- **What is required**
Where in the records does the word "IFCLOCALPLACEMENT" occur? Copy each line in which it does.

#### Data supplied ####

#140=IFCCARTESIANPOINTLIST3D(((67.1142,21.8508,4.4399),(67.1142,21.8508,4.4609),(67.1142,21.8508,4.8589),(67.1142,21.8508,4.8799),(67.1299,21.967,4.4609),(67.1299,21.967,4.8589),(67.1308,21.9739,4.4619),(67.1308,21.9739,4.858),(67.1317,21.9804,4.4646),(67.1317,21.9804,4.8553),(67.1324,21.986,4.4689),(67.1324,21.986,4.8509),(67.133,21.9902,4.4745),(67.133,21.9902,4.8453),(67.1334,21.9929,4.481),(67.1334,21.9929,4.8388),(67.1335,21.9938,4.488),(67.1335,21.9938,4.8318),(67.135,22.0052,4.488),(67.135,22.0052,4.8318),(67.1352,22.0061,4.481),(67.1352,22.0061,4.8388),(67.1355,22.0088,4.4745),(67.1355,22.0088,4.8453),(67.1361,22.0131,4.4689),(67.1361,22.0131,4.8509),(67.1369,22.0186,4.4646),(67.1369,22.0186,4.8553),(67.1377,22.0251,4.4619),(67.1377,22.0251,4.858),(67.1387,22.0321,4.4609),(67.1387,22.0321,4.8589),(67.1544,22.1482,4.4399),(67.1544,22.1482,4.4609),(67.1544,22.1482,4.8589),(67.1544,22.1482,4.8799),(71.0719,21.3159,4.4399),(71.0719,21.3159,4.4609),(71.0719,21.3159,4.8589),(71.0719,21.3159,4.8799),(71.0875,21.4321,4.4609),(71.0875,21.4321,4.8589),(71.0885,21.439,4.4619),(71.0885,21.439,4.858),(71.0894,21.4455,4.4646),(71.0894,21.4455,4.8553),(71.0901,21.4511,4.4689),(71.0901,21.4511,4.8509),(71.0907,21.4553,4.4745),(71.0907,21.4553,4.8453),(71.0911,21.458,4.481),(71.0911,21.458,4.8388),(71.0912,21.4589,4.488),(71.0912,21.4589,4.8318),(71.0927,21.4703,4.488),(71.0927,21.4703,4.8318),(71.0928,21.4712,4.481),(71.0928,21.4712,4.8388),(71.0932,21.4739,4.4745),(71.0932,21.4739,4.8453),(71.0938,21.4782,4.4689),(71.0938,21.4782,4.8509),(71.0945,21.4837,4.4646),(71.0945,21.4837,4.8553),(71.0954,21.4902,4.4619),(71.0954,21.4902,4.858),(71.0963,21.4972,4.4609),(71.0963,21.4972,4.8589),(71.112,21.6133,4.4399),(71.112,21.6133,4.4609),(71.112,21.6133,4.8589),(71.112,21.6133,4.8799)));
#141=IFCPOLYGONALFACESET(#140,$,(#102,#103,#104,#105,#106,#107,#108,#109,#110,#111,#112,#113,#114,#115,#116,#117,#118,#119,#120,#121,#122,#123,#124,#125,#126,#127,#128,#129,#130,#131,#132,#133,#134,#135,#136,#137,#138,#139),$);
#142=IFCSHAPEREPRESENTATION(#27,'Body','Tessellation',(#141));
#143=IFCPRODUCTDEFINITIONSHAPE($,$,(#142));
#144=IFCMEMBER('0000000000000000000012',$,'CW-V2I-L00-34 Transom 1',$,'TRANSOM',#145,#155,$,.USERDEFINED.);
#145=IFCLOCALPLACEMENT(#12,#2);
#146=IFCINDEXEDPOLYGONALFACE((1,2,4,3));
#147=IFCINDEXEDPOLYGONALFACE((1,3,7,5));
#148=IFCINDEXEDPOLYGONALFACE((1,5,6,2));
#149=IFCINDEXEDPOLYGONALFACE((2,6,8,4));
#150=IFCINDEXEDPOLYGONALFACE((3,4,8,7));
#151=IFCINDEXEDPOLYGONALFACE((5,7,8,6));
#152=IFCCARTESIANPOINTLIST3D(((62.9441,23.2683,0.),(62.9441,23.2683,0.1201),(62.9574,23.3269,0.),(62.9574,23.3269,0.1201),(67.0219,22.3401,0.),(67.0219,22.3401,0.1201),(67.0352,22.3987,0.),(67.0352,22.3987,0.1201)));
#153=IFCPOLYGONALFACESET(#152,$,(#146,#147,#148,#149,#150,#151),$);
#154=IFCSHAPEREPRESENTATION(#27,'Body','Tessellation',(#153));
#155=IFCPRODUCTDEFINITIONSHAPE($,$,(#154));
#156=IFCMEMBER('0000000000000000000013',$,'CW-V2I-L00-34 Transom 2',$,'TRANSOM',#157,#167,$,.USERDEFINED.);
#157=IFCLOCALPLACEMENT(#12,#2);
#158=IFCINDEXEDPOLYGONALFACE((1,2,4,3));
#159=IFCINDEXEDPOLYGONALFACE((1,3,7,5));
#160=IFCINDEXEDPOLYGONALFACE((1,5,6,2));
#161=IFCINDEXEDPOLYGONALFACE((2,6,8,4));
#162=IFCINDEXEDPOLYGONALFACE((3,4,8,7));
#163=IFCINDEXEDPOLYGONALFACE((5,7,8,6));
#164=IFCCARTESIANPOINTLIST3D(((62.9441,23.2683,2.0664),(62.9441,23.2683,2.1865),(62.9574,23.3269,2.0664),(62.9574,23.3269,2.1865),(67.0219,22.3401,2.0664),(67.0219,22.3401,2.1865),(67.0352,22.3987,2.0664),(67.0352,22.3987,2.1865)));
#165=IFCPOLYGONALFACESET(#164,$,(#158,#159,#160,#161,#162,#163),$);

####
#### Data supplied ####

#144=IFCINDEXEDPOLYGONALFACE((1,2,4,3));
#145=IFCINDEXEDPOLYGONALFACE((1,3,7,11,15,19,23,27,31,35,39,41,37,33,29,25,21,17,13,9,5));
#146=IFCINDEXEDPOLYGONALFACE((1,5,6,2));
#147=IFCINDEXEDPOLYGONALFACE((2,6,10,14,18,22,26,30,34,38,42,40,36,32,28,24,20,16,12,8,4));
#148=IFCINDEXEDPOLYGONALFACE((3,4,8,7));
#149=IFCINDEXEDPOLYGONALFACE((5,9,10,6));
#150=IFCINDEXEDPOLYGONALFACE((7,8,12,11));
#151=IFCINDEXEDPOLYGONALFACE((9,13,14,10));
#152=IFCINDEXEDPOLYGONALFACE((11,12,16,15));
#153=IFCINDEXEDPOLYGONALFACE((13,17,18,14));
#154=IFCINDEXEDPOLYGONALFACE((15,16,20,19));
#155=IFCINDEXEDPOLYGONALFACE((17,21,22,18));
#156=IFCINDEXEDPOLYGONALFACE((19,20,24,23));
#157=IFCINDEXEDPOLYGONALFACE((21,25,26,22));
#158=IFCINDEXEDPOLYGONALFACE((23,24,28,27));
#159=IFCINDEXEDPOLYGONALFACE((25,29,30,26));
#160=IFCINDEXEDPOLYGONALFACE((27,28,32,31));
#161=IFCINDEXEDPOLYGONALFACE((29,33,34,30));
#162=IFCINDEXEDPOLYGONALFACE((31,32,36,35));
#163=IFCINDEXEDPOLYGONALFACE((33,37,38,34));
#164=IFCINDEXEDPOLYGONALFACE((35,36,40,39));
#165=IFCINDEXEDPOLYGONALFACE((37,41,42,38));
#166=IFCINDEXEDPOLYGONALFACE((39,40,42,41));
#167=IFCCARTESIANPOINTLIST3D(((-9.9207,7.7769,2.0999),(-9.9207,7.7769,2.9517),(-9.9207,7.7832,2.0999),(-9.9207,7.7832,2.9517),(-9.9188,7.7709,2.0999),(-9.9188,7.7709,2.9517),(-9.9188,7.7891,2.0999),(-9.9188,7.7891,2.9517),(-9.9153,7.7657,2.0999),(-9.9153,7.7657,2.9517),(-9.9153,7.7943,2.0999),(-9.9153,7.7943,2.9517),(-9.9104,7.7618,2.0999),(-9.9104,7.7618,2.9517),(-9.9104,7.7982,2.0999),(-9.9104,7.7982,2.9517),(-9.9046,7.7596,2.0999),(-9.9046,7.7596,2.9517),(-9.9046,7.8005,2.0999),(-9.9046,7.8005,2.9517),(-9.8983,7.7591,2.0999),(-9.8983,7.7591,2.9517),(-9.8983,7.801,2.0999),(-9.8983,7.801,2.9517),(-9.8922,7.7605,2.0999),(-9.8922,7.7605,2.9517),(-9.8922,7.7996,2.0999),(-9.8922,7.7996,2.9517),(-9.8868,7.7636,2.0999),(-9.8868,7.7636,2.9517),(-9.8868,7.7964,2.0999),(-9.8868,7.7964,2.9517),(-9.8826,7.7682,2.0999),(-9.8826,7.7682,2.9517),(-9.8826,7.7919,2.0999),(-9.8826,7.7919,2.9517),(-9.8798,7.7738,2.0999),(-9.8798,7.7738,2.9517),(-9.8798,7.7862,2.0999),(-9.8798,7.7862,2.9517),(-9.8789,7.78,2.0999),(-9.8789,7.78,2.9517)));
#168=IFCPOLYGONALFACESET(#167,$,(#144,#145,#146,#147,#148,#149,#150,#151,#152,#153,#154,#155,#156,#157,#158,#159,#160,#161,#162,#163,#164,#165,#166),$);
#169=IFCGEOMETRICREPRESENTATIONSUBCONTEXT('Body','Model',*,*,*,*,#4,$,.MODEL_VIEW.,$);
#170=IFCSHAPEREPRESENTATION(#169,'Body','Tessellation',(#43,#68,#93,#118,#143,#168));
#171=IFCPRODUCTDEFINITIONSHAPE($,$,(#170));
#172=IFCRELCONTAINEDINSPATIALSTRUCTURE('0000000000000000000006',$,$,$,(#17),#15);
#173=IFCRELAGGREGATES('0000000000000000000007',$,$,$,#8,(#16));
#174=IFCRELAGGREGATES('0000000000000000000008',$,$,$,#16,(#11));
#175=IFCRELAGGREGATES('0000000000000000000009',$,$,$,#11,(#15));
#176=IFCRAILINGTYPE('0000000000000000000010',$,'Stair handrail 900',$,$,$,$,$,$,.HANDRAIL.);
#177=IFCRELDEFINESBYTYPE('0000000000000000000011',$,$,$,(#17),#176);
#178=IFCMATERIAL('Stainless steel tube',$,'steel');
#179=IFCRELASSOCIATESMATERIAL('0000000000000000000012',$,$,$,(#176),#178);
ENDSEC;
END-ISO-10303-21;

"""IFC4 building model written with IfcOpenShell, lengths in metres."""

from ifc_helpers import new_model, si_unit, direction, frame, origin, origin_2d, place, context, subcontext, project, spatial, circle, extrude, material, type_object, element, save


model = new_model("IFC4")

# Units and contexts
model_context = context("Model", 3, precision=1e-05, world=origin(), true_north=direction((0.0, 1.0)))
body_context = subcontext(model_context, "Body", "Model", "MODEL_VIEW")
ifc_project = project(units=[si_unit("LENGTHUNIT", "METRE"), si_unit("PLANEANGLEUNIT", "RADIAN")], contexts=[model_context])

####

- **Answer space**
#145=IFCLOCALPLACEMENT(#12,#2);
#157=IFCLOCALPLACEMENT(#12,#2);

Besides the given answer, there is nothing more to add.